Pick out all lines of the entries that include the word "STANDARD" and copy them.

* **Data**
————————

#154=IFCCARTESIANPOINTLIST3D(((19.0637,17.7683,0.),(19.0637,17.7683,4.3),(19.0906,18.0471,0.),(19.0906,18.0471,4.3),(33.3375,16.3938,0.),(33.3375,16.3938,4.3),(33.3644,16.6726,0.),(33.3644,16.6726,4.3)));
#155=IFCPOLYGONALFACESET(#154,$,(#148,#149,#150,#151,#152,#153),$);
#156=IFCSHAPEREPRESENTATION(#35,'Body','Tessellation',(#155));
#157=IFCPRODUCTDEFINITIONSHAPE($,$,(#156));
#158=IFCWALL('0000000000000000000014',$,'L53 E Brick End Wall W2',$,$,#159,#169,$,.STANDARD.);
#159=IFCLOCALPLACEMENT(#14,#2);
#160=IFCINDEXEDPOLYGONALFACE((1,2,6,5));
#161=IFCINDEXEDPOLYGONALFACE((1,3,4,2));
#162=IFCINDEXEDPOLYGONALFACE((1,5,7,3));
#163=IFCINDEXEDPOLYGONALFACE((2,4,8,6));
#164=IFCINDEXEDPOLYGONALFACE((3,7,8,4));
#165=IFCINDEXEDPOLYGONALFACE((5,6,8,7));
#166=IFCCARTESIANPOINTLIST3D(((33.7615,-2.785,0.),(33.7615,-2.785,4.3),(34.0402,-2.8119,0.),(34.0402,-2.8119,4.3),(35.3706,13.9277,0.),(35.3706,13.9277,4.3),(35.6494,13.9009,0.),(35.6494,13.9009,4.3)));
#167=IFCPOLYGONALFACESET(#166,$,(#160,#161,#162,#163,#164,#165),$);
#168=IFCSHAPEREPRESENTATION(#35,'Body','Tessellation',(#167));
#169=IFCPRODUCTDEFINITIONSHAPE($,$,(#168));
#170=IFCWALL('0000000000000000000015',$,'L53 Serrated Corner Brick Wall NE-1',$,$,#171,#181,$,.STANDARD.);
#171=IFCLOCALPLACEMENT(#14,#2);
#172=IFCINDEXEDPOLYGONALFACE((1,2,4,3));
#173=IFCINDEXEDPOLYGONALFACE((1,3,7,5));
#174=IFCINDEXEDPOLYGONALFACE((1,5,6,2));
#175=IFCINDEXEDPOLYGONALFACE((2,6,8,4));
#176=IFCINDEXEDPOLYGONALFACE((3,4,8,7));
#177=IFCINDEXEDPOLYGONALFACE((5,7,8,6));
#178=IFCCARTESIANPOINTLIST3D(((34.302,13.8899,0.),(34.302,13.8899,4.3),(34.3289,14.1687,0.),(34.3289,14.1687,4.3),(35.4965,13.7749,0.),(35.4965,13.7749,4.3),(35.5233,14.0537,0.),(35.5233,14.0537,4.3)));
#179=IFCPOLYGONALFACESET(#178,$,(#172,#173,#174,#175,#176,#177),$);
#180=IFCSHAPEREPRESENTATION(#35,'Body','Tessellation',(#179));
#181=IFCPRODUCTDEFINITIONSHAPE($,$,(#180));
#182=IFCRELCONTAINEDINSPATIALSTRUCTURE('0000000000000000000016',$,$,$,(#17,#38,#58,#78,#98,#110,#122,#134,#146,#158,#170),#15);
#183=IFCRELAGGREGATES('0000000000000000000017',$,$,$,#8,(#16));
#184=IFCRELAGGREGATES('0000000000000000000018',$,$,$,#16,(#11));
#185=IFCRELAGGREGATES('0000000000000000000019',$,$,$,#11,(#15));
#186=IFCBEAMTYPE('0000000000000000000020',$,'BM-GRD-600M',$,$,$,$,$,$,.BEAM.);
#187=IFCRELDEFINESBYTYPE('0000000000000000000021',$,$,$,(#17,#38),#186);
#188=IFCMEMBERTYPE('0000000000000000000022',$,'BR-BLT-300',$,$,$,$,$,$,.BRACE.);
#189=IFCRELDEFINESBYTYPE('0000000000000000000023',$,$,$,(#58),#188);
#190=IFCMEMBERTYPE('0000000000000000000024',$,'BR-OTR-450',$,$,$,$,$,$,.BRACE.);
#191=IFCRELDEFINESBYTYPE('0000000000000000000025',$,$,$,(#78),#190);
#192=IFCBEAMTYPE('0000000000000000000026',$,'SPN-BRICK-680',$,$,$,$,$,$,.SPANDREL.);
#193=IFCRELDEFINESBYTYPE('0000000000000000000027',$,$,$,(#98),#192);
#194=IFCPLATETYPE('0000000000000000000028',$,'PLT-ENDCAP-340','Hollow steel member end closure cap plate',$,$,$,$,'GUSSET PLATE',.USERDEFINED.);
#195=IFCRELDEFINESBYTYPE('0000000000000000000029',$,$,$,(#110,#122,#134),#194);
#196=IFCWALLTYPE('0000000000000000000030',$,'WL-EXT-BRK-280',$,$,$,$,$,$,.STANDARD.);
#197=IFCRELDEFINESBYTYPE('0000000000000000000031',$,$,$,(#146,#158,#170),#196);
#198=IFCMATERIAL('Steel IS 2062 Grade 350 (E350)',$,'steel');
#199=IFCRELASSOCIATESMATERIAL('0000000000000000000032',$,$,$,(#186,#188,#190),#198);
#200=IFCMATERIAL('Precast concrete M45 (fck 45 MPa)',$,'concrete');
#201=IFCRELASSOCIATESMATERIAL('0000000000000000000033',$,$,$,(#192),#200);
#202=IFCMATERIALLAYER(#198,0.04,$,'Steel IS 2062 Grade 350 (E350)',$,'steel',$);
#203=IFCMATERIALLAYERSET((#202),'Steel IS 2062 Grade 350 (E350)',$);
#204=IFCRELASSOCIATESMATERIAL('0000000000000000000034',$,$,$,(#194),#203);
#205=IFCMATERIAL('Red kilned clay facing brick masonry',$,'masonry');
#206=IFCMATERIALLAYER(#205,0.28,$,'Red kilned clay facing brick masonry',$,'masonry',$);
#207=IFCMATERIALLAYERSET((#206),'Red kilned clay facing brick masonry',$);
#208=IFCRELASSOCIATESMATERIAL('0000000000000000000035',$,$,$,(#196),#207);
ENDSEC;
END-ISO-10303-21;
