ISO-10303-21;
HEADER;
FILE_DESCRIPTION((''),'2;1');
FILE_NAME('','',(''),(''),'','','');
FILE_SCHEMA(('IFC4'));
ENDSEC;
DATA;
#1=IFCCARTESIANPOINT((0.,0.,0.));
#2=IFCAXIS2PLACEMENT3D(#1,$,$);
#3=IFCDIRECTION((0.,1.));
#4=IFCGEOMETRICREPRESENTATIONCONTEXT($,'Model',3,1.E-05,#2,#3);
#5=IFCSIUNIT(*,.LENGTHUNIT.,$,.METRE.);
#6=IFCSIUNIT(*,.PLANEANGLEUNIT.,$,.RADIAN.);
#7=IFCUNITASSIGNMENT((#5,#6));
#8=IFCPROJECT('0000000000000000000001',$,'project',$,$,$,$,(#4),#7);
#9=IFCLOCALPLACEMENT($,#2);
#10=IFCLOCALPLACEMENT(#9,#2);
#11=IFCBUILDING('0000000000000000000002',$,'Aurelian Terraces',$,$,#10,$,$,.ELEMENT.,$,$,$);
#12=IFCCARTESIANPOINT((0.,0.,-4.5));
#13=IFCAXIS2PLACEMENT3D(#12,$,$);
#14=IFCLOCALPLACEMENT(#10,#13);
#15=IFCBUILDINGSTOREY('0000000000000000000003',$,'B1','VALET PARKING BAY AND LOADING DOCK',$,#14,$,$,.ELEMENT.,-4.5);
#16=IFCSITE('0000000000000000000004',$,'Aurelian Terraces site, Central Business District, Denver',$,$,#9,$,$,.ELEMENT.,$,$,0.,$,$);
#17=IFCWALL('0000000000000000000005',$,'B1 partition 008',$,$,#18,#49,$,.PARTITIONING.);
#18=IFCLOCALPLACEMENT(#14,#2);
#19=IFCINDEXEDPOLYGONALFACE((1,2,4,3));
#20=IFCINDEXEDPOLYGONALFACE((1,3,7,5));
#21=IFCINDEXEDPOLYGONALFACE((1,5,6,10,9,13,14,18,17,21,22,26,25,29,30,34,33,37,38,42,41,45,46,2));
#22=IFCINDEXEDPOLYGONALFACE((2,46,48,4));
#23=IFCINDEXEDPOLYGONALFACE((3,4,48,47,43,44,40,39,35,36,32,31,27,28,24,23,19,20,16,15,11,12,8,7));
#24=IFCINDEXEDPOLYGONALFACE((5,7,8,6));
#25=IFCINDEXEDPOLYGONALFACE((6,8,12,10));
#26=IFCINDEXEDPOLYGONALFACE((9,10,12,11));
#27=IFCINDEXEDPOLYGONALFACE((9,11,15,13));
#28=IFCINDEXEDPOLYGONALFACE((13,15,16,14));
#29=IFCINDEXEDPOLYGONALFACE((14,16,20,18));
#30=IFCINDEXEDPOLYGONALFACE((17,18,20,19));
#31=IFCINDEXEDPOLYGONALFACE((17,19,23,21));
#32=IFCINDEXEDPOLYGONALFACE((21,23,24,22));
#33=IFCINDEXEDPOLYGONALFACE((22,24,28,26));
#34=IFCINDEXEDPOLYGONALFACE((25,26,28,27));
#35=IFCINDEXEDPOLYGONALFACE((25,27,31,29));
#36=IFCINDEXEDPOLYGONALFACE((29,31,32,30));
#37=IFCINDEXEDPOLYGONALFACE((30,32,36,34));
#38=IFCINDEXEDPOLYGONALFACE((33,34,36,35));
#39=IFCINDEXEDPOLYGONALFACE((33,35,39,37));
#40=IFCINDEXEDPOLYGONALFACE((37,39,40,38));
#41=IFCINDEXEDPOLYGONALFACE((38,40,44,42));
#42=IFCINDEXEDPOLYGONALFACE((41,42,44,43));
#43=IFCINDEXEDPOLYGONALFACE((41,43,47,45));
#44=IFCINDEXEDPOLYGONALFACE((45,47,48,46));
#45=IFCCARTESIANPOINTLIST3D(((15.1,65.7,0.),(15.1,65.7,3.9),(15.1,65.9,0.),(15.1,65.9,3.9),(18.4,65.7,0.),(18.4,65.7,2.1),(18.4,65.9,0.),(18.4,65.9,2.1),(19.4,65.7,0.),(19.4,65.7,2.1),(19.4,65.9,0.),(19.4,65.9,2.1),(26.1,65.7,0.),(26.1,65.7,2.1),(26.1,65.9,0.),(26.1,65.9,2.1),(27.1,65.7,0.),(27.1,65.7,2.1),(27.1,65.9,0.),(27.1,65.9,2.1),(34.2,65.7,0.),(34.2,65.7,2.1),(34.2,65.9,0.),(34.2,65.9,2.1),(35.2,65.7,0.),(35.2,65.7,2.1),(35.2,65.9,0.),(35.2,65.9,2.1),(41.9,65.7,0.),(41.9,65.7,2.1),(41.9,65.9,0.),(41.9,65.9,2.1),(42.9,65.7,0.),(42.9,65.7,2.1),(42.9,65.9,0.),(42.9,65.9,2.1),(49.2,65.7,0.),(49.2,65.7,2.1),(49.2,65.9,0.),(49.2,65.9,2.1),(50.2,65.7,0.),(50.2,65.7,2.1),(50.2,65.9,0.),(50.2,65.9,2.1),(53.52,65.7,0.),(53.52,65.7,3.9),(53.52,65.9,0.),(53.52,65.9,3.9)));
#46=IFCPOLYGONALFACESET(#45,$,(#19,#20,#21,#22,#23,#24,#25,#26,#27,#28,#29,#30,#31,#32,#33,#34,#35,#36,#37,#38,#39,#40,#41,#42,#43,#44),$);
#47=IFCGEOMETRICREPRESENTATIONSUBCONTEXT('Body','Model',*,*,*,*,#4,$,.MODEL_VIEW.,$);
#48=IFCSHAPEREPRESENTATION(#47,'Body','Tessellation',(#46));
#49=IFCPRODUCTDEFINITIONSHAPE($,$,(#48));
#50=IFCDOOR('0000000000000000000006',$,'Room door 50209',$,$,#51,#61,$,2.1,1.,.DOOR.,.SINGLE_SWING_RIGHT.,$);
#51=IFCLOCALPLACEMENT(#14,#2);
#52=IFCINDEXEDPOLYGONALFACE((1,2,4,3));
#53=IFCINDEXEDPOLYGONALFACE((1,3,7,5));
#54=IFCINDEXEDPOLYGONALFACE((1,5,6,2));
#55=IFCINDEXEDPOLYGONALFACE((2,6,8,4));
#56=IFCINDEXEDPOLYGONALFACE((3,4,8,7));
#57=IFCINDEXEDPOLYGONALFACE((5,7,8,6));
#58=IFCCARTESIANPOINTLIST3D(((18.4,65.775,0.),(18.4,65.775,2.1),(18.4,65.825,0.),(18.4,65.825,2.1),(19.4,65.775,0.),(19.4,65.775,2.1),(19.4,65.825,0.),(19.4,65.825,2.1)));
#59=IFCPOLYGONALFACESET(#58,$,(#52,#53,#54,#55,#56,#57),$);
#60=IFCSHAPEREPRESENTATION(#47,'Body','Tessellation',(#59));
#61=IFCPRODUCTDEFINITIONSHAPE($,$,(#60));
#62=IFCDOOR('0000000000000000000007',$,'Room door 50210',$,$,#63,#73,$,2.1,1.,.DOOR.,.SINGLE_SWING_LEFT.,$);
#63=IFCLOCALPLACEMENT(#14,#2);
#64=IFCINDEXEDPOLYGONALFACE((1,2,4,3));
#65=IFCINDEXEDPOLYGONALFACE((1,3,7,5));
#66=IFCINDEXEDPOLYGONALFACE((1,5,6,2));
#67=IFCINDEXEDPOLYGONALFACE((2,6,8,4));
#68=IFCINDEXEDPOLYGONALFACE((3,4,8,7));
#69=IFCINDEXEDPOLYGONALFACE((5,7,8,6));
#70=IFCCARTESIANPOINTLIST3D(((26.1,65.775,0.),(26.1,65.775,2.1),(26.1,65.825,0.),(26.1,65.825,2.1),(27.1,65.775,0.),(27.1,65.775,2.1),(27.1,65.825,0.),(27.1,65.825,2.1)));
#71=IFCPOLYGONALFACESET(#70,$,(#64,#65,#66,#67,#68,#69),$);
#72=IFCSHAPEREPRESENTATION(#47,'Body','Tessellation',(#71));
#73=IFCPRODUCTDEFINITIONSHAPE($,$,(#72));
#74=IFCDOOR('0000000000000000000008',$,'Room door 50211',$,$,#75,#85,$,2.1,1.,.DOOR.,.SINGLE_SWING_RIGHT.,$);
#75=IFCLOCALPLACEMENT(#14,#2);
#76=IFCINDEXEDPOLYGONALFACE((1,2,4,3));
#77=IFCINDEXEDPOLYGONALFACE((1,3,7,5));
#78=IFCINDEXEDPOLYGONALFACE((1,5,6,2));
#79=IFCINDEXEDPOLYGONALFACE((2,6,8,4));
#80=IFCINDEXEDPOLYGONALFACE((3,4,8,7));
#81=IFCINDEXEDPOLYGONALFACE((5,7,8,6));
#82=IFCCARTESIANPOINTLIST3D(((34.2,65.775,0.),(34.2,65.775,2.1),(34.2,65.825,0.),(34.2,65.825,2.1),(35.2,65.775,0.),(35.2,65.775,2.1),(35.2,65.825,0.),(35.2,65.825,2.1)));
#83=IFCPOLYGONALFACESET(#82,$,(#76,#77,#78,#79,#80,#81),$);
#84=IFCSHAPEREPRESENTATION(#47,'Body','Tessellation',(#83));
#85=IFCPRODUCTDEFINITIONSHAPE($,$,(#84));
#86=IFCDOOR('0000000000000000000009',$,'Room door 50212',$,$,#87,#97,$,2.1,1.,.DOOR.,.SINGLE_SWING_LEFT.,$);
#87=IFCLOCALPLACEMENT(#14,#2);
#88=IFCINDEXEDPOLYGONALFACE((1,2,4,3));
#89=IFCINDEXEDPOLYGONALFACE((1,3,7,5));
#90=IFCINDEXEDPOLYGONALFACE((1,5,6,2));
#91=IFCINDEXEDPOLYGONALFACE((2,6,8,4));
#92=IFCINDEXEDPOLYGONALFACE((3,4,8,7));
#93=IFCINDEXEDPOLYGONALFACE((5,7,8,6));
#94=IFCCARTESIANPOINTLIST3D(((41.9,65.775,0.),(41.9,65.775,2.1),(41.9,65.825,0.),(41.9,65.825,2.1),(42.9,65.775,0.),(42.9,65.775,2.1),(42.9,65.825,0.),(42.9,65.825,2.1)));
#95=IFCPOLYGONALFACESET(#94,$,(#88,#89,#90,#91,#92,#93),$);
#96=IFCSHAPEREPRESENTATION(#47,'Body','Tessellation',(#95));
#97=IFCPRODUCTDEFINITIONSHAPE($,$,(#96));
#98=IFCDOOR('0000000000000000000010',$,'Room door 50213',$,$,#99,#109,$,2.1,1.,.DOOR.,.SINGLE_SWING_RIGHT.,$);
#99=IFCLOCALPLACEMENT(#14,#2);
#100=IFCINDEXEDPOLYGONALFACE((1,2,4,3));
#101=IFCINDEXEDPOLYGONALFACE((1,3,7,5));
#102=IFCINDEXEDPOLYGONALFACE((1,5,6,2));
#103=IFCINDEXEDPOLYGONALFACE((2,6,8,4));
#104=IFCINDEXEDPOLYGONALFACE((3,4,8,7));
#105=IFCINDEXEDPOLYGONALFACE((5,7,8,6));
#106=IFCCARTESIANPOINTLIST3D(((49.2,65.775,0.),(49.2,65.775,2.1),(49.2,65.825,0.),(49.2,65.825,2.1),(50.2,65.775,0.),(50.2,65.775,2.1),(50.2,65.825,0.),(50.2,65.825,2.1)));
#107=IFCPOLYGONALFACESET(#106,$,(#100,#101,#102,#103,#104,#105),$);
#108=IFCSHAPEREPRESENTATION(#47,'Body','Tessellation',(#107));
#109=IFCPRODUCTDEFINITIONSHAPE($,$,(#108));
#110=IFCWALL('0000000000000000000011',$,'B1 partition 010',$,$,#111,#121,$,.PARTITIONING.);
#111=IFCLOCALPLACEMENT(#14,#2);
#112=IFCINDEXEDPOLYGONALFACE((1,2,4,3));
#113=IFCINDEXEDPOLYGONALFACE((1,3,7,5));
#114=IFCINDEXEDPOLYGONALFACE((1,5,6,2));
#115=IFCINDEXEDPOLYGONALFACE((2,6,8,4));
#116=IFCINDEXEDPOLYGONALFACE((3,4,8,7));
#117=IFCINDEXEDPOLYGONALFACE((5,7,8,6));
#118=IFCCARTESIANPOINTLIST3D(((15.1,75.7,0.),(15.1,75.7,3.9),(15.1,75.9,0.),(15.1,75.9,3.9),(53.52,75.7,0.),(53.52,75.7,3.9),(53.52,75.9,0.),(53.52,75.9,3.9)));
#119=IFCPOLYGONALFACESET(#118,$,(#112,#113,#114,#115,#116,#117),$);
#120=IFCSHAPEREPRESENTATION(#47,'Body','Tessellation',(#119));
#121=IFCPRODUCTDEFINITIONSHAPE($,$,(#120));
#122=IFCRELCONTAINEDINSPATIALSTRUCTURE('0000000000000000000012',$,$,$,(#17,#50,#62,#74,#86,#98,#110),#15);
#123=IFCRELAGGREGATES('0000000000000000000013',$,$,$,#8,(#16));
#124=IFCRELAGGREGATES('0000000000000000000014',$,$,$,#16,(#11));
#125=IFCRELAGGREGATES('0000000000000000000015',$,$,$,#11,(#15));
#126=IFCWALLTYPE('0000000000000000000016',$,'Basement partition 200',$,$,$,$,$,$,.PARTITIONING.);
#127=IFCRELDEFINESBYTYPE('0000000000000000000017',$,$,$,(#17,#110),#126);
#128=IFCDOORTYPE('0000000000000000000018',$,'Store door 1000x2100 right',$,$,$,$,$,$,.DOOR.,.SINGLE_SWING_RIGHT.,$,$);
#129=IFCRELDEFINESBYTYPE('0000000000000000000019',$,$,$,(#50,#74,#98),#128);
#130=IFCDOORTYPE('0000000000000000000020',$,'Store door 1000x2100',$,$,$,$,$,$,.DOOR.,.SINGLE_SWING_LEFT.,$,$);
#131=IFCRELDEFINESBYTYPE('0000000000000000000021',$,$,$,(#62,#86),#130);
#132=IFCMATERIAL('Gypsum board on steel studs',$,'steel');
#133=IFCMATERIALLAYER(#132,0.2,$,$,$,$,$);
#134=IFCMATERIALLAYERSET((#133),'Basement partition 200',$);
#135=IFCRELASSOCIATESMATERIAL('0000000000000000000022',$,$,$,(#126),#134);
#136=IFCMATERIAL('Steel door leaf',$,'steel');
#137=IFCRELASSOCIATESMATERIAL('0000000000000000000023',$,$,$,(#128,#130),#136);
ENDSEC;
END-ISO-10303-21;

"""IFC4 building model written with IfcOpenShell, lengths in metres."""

from ifc_helpers import new_model, si_unit, direction, frame, frame_2d, origin, place, context, subcontext, project, spatial, rectangle, extrude, source, transform, mapped, material, layer, layer_set, type_object, element, fill, save


model = new_model("IFC4")

# Units and contexts
model_context = context("Model", 3, precision=1e-05, world=origin(), true_north=direction((0.0, 1.0)))
body_context = subcontext(model_context, "Body", "Model", "MODEL_VIEW")
ifc_project = project(units=[si_unit("LENGTHUNIT", "METRE"), si_unit("PLANEANGLEUNIT", "RADIAN")], contexts=[model_context])

# Site, building, storey
site_placement = place(None, origin())
site = spatial("IfcSite", under=ifc_project, at=site_placement, Name="Aurelian Terraces site, Central Business District, Denver", CompositionType="ELEMENT", RefElevation=0.0)
building_placement = place(site_placement, origin())
building = spatial("IfcBuilding", under=site, at=building_placement, Name="Aurelian Terraces", CompositionType="ELEMENT")
storey_placement = place(building_placement, frame((0.0, 0.0, -4.5)))
storey = spatial("IfcBuildingStorey", under=building, at=storey_placement, Name="B1", Description="VALET PARKING BAY AND LOADING DOCK", CompositionType="ELEMENT", Elevation=-4.5)

# Shared definitions
ifc_material_1 = material(Name="Gypsum board on steel studs", Category="steel")
ifc_layer_1 = layer(ifc_material_1, 0.2)
ifc_layer_set_1 = layer_set([ifc_layer_1], Name="Basement partition 200")
wall_type_1 = type_object("IfcWallType", Name="Basement partition 200", PredefinedType="PARTITIONING", material=ifc_layer_set_1)

# Wall, openings, doors
shared_shape_1 = source(origin(), body_context, "Body", "SweptSolid", [
    extrude(rectangle(XDim=38.42, YDim=0.2, at=frame_2d((19.21, 0.0))), origin(), (0.0, 0.0, 1.0), 3.9),
])
wall_1_placement = place(storey_placement, frame((15.1, 65.8, 0.0), z_axis=(0.0, 0.0, 1.0), x_axis=(1.0, 0.0, 0.0)))
wall_1 = element("IfcWall", 1, at=wall_1_placement, inside=storey, type_object=wall_type_1, Name="B1 partition 008", PredefinedType="PARTITIONING", context=body_context, shape_type="MappedRepresentation", body=[
    mapped(shared_shape_1, transform((0.0, 0.0, 0.0), scale=1.0)),
])
shared_shape_2 = source(origin(), body_context, "Body", "SweptSolid", [
    extrude(rectangle(XDim=1.0, YDim=2.1, at=frame_2d((0.5, 1.05))), frame((0.0, 0.11, 0.0), z_axis=(0.0, -1.0, 0.0), x_axis=(1.0, 0.0, 0.0)), (0.0, 0.0, 1.0), 0.22),
])
opening_1_placement = place(wall_1_placement, frame((3.3, 0.0, 0.0)))
opening_1 = element("IfcOpeningElement", 2, at=opening_1_placement, cuts=wall_1, PredefinedType="OPENING", context=body_context, shape_type="MappedRepresentation", body=[
    mapped(shared_shape_2, transform((0.0, 0.0, 0.0), scale=1.0)),
])
opening_2_placement = place(wall_1_placement, frame((11.0, 0.0, 0.0)))
opening_2 = element("IfcOpeningElement", 3, at=opening_2_placement, cuts=wall_1, PredefinedType="OPENING", context=body_context, shape_type="MappedRepresentation", body=[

————————

* **Result of the task**
#158=IFCWALL('0000000000000000000014',$,'L53 E Brick End Wall W2',$,$,#159,#169,$,.STANDARD.);
#170=IFCWALL('0000000000000000000015',$,'L53 Serrated Corner Brick Wall NE-1',$,$,#171,#181,$,.STANDARD.);
#196=IFCWALLTYPE('0000000000000000000030',$,'WL-EXT-BRK-280',$,$,$,$,$,$,.STANDARD.);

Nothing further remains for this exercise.